_Your instructions_
Transcribe the stretch of entries below from the line with "#104=IFCINDEXEDPOLYGONALFACE((8,27,28,9));" through the line with "#108=IFCINDEXEDPOLYGONALFACE((12,31,32,13));", exactly and with both ends included; leave out all other lines.

_Dataset entries_
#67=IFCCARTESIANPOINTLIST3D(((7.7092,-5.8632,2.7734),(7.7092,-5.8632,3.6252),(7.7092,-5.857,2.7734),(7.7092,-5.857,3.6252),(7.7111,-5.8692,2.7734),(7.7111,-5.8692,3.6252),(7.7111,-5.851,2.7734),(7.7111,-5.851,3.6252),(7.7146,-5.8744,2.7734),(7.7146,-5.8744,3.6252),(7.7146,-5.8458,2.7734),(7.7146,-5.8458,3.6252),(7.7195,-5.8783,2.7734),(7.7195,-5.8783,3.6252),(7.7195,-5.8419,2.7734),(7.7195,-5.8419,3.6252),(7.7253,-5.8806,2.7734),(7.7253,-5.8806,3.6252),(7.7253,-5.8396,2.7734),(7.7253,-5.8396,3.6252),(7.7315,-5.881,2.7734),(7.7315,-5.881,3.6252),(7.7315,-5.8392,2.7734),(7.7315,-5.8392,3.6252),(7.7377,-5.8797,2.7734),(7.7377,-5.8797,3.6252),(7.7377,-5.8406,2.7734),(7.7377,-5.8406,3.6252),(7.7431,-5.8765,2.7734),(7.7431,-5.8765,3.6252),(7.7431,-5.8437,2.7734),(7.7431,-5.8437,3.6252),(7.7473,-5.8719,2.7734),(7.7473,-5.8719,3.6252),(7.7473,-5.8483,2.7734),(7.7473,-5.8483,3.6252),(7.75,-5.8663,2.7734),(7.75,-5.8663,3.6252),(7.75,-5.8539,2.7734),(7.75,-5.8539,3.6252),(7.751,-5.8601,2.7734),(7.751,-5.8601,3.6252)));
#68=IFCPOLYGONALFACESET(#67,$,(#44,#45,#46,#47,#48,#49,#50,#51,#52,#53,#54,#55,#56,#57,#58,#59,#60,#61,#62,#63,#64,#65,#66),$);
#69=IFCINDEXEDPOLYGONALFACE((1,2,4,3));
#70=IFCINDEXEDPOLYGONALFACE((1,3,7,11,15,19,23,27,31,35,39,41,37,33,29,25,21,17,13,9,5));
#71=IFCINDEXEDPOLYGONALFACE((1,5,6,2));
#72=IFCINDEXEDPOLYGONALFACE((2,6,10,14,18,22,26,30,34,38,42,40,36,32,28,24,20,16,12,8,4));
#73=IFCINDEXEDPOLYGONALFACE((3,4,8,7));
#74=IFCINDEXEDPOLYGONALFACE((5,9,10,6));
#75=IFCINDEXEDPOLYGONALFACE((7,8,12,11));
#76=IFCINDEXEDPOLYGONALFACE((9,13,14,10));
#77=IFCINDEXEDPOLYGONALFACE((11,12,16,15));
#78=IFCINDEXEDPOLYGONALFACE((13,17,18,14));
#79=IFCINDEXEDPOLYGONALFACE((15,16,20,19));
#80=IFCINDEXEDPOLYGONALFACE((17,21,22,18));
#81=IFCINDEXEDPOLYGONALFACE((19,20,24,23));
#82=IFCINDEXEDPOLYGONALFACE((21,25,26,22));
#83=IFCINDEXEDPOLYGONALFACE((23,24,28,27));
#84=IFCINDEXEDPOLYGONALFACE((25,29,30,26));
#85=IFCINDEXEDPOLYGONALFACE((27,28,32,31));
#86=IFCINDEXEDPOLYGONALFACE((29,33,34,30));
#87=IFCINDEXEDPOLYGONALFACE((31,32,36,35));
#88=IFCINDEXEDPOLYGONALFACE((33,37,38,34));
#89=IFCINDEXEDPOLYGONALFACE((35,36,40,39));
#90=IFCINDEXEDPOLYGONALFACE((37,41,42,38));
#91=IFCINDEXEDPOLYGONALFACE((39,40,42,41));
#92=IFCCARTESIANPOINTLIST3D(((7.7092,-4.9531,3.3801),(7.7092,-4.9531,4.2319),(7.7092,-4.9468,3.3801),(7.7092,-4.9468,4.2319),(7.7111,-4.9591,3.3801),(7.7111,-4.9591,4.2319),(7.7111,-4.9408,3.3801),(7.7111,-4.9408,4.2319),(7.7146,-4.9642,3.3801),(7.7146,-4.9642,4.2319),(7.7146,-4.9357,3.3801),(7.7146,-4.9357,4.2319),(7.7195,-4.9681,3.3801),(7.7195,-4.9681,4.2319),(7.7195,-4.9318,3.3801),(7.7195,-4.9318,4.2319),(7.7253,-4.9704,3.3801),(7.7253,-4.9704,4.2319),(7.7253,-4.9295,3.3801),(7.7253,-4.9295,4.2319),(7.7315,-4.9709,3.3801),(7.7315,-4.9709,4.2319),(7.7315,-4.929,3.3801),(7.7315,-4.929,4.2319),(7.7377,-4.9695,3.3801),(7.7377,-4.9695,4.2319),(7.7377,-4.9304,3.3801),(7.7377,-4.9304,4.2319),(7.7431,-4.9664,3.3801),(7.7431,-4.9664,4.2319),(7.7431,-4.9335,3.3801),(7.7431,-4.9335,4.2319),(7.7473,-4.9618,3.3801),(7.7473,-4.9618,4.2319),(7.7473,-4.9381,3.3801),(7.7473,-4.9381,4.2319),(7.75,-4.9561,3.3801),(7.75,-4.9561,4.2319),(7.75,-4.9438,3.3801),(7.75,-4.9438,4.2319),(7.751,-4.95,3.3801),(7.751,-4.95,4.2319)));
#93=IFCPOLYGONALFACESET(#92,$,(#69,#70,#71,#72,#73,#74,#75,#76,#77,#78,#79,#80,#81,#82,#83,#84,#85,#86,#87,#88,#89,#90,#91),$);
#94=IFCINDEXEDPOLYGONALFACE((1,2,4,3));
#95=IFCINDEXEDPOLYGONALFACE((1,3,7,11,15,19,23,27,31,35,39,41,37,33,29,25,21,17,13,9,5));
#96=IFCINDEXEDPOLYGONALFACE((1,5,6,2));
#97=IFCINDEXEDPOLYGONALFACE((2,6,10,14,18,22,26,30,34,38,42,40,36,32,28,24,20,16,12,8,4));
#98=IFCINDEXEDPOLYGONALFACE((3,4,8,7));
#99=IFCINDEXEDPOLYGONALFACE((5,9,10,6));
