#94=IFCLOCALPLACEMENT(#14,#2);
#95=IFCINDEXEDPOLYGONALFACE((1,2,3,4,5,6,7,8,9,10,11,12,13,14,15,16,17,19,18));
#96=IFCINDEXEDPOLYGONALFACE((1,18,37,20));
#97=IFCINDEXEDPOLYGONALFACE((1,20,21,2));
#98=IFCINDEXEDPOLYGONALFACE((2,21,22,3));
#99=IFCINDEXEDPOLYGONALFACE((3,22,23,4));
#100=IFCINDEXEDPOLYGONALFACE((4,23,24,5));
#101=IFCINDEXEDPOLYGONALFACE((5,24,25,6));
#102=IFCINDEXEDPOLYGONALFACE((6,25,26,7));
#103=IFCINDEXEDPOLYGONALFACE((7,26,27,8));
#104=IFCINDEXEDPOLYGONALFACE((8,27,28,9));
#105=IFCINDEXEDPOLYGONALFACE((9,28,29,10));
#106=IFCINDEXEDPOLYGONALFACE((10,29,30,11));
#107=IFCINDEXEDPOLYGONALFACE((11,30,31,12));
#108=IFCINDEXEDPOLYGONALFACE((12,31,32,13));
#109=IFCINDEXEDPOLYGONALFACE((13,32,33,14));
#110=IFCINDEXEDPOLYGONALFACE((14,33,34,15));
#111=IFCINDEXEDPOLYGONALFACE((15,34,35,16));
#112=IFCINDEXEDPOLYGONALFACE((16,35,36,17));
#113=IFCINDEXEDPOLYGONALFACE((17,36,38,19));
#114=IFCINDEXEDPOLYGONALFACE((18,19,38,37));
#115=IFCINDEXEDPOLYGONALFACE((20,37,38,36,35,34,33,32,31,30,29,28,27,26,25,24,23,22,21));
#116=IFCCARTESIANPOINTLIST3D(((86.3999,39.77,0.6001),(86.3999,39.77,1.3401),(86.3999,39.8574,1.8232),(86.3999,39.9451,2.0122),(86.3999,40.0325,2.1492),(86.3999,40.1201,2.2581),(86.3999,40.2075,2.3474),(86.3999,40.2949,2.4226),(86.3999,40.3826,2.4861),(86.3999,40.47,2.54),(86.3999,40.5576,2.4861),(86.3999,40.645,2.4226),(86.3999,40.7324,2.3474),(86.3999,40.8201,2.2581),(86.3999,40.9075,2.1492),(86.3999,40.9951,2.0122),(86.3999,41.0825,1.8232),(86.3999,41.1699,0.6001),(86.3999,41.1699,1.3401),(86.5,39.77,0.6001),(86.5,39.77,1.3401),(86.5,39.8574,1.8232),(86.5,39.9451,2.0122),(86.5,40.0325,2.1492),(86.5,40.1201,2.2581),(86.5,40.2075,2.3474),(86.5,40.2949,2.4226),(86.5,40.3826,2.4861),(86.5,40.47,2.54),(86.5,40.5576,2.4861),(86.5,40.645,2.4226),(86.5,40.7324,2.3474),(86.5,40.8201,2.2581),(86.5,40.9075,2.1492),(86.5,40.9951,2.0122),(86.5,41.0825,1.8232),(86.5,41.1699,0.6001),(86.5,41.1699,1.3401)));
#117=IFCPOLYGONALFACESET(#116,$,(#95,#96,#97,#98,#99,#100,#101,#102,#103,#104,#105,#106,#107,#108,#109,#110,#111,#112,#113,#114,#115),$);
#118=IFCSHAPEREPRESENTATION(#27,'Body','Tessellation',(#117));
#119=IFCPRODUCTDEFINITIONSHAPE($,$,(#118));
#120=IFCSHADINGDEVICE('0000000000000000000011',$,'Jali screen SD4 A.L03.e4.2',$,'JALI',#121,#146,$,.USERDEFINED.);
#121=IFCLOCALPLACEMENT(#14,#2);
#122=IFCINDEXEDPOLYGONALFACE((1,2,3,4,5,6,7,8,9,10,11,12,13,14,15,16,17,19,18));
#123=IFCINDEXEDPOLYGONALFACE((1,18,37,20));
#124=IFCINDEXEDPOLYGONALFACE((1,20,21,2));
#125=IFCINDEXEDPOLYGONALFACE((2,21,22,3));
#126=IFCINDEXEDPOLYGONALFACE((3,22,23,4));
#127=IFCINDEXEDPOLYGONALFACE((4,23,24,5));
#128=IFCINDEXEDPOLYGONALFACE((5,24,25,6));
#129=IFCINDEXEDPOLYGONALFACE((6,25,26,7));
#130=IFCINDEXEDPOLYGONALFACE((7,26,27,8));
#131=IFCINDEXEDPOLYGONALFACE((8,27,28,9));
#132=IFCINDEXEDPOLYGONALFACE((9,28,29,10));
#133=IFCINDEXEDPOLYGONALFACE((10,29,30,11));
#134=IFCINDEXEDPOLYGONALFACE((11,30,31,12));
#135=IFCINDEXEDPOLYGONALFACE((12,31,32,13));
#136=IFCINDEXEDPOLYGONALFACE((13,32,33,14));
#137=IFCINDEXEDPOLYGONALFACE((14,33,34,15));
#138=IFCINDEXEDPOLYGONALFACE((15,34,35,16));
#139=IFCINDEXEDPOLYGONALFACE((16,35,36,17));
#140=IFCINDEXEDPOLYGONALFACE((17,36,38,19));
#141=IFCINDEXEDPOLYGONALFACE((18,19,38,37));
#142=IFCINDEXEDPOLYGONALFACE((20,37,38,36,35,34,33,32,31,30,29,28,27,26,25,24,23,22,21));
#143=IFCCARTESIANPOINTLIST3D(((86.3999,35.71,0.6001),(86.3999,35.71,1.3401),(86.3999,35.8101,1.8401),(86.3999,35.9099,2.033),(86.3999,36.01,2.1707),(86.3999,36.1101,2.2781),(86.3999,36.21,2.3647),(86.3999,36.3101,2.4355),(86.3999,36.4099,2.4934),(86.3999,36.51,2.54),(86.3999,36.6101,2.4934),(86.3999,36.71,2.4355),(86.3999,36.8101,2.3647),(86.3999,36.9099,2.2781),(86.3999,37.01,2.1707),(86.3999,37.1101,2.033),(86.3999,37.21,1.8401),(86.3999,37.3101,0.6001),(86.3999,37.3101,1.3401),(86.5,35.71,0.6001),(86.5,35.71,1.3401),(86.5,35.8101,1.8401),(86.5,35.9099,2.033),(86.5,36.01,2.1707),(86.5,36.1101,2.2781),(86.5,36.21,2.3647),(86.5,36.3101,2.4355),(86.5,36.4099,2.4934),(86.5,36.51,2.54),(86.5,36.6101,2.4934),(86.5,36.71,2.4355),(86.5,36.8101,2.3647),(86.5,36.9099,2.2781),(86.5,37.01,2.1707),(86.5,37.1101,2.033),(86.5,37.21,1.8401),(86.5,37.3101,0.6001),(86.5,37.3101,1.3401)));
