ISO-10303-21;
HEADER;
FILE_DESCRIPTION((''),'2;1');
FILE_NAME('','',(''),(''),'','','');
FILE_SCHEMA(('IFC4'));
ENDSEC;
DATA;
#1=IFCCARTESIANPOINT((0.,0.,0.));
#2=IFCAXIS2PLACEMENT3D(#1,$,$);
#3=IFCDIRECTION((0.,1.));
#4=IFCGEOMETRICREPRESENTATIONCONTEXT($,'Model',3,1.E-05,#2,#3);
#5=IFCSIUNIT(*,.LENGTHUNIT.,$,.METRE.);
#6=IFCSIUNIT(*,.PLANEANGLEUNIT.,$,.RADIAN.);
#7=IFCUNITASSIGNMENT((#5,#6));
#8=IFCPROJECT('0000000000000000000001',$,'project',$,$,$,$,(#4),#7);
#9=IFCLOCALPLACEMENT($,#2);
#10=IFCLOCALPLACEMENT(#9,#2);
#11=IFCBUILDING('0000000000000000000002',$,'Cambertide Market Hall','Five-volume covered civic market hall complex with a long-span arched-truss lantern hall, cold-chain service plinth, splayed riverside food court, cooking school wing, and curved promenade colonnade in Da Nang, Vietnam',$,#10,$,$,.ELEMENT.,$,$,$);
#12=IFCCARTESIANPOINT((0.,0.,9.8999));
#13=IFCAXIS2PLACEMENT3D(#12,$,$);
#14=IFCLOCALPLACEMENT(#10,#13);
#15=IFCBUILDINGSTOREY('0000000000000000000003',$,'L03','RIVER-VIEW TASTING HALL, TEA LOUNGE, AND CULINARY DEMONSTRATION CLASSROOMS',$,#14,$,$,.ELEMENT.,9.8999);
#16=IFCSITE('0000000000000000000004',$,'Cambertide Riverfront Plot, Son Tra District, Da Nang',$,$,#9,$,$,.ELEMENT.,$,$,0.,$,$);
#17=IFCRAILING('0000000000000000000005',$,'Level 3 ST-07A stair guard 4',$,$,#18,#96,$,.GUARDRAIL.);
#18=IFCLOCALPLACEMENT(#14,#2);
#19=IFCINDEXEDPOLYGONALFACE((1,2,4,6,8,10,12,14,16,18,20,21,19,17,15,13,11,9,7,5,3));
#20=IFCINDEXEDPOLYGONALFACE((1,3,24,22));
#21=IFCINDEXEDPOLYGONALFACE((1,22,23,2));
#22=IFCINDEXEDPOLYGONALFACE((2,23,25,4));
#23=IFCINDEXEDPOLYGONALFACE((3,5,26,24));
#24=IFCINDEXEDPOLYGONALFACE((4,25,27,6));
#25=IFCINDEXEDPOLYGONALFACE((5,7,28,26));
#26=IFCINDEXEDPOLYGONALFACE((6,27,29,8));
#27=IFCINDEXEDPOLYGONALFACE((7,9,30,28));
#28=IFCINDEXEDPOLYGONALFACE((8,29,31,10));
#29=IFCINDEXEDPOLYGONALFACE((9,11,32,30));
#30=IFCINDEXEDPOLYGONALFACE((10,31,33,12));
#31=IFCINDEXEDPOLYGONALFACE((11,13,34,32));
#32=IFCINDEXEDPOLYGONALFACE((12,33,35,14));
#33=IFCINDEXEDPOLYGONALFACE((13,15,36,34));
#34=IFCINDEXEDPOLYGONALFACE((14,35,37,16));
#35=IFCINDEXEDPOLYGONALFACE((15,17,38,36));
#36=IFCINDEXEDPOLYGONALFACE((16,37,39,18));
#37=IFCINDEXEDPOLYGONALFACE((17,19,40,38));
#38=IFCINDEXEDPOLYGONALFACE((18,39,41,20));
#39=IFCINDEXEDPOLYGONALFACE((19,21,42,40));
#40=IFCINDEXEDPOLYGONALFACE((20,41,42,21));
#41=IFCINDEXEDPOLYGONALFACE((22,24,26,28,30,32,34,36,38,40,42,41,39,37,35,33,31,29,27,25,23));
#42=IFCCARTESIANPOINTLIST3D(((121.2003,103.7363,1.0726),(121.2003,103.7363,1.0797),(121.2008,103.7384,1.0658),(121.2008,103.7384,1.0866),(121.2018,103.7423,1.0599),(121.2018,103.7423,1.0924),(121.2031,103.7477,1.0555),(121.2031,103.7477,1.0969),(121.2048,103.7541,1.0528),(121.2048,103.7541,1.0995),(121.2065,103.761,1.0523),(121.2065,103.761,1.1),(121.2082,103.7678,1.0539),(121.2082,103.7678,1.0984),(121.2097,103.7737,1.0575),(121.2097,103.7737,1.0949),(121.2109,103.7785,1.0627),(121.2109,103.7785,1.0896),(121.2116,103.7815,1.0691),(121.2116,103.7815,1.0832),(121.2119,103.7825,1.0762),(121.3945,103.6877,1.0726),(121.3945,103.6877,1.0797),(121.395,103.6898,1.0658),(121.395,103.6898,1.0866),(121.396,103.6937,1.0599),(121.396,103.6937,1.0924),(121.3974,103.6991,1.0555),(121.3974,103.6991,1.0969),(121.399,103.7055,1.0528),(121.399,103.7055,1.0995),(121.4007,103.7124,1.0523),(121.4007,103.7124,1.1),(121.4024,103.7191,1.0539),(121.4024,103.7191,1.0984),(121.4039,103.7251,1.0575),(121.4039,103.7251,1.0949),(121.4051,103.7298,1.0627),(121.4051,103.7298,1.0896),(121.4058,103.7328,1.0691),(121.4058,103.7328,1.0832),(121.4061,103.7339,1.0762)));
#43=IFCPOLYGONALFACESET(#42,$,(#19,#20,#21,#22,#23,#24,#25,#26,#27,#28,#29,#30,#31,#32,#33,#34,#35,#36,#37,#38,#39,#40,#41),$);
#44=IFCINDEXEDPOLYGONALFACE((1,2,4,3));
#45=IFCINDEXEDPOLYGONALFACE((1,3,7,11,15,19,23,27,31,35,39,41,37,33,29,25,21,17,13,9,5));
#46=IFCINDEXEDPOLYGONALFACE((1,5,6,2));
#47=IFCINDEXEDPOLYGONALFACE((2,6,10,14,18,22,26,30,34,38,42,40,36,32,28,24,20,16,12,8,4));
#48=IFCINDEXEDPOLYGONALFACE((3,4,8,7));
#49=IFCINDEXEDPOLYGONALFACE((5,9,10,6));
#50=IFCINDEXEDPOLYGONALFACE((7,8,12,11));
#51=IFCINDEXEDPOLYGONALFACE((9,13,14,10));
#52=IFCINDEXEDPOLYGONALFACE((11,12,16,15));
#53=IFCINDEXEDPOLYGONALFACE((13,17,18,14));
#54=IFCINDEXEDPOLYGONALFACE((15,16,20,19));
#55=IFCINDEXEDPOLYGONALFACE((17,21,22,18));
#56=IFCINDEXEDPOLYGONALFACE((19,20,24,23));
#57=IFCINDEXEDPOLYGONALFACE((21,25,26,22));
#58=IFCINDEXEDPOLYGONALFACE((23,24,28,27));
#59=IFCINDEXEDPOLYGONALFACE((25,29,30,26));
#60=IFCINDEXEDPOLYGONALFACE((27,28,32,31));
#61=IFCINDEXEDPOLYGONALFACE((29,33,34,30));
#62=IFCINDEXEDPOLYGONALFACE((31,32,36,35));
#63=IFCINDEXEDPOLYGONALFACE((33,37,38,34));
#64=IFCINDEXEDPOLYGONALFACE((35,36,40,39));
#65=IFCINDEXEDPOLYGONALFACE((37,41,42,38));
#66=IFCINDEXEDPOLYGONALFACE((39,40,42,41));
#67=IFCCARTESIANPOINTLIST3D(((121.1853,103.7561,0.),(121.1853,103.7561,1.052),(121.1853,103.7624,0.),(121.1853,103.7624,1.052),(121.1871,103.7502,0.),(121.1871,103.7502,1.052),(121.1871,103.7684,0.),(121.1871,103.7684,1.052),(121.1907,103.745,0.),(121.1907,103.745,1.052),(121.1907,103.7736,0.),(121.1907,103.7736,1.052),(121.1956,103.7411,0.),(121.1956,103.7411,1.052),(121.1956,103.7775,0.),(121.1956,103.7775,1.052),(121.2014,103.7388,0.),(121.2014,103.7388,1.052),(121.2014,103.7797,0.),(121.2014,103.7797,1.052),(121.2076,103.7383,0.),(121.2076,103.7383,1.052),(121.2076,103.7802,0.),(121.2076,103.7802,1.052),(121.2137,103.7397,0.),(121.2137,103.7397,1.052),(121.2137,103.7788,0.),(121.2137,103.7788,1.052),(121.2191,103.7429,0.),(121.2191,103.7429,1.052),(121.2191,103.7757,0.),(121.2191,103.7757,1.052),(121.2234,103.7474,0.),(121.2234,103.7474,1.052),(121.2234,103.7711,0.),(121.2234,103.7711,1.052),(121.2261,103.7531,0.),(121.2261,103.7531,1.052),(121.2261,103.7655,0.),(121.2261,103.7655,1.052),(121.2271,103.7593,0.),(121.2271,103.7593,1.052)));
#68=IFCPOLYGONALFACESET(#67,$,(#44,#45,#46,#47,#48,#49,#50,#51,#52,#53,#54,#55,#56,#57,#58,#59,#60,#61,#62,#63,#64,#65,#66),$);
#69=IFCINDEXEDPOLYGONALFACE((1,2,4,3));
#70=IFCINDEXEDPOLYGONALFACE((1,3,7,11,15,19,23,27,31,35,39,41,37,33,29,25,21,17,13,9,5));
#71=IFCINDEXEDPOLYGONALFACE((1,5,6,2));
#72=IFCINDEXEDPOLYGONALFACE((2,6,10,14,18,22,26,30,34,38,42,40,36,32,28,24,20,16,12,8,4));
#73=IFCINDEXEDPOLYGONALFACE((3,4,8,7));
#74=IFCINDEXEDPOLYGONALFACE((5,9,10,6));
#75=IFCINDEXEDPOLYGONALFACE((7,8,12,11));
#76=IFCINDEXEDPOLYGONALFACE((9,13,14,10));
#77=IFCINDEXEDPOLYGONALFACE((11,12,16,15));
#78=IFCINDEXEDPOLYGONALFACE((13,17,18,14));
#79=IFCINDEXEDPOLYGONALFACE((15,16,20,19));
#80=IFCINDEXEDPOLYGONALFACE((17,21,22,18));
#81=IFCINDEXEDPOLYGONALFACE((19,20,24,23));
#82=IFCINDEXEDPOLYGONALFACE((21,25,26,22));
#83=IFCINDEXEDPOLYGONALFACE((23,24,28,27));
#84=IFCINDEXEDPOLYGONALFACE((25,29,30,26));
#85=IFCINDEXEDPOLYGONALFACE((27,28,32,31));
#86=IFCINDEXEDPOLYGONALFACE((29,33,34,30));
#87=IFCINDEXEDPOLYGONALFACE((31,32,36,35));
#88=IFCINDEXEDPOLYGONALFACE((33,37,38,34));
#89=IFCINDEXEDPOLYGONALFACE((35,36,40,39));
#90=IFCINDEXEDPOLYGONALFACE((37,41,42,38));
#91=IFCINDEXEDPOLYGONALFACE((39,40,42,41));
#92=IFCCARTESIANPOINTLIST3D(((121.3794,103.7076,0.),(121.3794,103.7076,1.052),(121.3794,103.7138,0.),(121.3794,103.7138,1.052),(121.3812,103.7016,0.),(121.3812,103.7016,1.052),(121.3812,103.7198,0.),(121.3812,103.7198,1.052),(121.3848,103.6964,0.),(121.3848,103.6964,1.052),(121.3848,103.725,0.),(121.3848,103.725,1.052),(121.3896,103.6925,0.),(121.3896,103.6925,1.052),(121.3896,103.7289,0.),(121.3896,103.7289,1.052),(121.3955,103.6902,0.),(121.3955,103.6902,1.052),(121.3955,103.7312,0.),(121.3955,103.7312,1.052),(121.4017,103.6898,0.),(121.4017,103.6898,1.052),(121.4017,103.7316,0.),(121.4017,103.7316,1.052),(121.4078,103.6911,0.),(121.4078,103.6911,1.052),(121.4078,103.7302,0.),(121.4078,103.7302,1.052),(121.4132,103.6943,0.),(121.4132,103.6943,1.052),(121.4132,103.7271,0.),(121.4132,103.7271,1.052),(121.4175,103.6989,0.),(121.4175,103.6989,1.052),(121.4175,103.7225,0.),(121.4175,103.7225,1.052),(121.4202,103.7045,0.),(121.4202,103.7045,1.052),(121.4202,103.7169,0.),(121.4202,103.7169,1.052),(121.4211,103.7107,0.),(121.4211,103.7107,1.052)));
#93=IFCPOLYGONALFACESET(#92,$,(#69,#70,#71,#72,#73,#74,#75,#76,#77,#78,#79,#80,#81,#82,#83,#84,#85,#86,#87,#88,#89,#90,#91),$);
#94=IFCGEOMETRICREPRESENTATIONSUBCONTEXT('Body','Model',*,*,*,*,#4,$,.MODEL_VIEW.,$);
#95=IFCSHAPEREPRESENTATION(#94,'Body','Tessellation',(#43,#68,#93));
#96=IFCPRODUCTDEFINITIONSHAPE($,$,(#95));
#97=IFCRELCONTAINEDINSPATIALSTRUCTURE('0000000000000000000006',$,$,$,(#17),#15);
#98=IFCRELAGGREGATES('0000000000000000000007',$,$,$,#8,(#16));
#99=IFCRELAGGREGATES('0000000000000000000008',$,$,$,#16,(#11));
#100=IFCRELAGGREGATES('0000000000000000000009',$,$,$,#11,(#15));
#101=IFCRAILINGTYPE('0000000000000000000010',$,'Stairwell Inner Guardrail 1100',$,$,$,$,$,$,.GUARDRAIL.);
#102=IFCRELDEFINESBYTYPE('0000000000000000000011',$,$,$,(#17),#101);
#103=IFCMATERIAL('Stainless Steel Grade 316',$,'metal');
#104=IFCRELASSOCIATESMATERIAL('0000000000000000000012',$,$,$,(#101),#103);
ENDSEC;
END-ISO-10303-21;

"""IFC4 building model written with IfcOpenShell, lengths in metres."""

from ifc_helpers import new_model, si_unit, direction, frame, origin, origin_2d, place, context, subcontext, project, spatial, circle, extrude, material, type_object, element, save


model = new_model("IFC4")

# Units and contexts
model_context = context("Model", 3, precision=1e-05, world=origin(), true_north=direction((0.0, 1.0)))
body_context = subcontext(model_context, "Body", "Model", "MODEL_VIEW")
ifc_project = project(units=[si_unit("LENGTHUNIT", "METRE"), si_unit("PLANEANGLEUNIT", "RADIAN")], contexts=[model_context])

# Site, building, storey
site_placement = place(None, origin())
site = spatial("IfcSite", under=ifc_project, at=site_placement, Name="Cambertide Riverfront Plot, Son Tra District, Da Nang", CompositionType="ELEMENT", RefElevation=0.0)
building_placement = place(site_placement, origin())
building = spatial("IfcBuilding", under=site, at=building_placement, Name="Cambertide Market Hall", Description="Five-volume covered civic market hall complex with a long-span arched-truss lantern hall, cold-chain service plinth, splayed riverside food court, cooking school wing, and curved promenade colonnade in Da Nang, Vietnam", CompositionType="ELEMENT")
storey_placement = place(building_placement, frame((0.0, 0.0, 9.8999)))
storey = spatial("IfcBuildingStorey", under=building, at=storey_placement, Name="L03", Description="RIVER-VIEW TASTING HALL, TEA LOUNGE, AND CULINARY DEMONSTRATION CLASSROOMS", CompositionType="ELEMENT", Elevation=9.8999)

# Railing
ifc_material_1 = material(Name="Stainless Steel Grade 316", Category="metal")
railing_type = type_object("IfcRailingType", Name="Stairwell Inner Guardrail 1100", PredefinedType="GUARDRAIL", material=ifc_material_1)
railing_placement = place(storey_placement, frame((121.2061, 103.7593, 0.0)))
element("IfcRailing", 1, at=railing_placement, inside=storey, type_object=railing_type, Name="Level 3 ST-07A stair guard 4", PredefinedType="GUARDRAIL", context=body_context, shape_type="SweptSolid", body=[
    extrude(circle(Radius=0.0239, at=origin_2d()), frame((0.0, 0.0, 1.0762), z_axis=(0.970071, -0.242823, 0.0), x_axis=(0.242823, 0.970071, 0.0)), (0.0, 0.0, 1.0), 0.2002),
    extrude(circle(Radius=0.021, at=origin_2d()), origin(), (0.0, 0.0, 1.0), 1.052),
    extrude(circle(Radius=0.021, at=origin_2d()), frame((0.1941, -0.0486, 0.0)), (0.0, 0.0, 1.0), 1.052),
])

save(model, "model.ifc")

_Solution to the exercise_
#104=IFCINDEXEDPOLYGONALFACE((8,27,28,9));
#105=IFCINDEXEDPOLYGONALFACE((9,28,29,10));
#106=IFCINDEXEDPOLYGONALFACE((10,29,30,11));
#107=IFCINDEXEDPOLYGONALFACE((11,30,31,12));
#108=IFCINDEXEDPOLYGONALFACE((12,31,32,13));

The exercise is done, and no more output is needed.